* _Work request_
Once you have counted the lines below that contain "IFCPRODUCTDEFINITIONSHAPE", give that number and nothing else.

┌──

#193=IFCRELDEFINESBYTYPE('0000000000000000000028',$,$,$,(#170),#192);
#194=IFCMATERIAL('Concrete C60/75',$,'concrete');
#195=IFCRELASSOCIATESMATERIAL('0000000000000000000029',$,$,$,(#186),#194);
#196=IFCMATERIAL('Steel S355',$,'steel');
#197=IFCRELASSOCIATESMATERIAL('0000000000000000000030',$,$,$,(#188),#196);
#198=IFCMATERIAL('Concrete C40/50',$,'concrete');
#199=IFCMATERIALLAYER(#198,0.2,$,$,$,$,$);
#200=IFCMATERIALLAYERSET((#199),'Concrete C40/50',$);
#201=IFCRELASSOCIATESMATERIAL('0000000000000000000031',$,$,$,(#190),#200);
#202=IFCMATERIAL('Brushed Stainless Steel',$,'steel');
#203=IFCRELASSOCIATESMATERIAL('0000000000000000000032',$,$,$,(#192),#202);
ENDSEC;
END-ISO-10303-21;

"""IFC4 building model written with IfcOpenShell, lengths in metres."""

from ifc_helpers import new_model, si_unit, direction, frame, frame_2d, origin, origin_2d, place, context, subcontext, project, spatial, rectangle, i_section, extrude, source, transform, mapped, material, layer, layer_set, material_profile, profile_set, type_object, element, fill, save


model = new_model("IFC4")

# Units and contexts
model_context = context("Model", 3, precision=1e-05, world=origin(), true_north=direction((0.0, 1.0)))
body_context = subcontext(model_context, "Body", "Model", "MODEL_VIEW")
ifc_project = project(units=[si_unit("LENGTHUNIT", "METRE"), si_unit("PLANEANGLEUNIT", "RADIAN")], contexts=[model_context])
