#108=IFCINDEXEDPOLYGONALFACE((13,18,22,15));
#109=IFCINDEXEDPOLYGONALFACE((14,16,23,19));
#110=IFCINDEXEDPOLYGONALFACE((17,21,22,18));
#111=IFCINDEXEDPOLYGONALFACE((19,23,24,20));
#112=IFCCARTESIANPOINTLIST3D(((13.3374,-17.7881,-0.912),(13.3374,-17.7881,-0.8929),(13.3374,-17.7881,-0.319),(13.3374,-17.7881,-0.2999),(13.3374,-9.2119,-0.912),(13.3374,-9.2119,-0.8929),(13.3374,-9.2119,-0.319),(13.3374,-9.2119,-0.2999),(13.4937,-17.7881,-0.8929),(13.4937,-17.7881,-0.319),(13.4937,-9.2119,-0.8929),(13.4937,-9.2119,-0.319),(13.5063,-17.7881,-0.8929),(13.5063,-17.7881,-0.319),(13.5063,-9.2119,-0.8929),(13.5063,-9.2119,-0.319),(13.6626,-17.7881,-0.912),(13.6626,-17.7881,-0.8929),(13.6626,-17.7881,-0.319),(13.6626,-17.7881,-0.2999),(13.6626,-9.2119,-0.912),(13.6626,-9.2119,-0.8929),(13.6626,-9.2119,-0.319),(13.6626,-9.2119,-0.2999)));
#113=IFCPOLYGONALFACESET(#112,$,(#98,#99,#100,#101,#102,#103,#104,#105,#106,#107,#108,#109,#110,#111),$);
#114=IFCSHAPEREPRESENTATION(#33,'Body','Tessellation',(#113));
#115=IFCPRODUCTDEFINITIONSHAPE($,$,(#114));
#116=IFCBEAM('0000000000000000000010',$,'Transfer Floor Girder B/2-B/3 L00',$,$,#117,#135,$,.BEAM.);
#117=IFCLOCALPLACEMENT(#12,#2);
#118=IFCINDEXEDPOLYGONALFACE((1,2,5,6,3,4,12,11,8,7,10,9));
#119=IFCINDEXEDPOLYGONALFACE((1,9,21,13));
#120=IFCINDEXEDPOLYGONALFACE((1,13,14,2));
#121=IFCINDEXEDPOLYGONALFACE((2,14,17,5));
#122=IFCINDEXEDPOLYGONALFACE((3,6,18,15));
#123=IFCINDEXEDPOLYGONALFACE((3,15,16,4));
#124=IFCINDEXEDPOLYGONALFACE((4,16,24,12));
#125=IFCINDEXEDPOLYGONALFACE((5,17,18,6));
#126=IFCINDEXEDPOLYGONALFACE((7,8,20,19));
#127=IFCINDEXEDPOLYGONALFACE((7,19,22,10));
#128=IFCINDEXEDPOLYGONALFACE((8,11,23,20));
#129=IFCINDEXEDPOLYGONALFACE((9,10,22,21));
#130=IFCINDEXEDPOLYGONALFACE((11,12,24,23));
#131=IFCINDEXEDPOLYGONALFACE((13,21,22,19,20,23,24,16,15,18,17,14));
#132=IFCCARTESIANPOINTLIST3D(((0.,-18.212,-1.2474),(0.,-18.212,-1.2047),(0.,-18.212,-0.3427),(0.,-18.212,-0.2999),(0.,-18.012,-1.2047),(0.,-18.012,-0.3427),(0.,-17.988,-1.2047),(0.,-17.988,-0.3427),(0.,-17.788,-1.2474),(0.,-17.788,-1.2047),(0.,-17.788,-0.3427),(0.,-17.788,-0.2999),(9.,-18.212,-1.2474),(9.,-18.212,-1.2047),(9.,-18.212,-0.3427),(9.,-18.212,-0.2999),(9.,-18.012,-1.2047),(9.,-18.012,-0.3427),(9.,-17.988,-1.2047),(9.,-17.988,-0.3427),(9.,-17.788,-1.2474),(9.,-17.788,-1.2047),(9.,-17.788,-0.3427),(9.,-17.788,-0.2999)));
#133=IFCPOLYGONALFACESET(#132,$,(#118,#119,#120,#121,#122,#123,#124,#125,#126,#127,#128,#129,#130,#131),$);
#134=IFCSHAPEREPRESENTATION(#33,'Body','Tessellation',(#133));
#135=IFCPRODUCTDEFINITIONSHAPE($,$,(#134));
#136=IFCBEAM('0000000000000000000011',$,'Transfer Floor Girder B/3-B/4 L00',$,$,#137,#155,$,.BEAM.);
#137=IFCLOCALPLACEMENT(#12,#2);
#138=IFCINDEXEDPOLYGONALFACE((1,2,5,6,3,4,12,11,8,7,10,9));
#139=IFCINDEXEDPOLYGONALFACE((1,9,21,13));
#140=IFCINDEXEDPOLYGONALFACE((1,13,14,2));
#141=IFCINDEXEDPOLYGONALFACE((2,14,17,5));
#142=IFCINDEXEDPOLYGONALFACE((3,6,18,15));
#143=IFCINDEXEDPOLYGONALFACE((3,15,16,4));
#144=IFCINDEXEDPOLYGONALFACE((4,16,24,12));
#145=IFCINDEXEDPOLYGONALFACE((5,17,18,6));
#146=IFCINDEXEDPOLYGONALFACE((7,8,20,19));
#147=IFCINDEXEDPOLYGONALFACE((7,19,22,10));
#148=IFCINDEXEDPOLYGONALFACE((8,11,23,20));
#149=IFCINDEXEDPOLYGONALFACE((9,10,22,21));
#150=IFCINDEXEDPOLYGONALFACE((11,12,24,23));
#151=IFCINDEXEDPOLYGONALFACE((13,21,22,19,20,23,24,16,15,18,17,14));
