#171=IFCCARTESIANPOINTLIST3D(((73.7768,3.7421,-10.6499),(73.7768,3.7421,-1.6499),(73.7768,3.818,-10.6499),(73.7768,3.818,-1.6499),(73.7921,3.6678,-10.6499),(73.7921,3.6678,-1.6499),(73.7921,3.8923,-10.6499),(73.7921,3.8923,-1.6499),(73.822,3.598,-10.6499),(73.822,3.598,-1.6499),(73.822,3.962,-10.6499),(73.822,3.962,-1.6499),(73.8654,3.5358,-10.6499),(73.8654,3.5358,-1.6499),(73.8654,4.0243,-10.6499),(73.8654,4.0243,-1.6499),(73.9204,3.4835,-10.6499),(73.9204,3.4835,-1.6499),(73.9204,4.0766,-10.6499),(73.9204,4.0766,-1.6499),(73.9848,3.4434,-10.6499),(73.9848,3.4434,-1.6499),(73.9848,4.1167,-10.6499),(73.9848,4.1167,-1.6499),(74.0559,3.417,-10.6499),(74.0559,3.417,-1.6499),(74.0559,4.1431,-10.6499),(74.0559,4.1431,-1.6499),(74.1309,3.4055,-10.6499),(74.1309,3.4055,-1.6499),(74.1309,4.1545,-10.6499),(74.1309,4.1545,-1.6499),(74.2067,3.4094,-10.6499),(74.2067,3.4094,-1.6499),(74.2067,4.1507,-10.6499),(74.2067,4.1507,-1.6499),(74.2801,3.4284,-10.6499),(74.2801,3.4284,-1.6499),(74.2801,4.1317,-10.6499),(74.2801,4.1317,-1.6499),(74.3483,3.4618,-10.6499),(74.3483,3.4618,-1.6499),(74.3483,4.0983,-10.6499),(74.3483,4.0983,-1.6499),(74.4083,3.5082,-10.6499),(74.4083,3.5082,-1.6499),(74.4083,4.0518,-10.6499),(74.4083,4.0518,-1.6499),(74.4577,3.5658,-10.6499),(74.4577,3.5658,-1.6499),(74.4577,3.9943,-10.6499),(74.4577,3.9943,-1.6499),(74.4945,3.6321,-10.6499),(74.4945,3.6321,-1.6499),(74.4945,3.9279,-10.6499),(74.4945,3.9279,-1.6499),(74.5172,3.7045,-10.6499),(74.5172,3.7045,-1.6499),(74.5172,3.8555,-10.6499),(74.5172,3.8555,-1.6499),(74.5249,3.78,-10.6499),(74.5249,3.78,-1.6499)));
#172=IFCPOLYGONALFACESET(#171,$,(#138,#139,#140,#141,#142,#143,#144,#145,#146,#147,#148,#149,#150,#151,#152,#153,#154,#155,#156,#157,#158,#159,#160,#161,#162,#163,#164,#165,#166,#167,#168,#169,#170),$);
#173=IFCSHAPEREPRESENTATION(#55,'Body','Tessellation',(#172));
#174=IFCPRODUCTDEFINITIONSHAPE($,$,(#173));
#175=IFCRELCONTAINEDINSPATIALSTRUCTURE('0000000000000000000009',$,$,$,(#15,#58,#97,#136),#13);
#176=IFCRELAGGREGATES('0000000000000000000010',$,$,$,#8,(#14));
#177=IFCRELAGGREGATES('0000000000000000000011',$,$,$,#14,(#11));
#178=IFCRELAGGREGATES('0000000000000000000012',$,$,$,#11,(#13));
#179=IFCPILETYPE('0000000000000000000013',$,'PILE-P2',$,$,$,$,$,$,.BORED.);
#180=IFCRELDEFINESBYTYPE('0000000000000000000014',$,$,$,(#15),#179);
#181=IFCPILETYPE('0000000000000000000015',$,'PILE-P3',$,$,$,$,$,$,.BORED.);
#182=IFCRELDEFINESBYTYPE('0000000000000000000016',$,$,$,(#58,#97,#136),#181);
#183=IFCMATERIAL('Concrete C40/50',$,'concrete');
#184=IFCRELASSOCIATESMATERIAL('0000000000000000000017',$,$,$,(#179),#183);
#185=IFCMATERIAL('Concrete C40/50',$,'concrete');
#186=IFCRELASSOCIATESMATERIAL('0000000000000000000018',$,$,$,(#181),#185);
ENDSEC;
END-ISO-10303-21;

└──

* _Written response_
3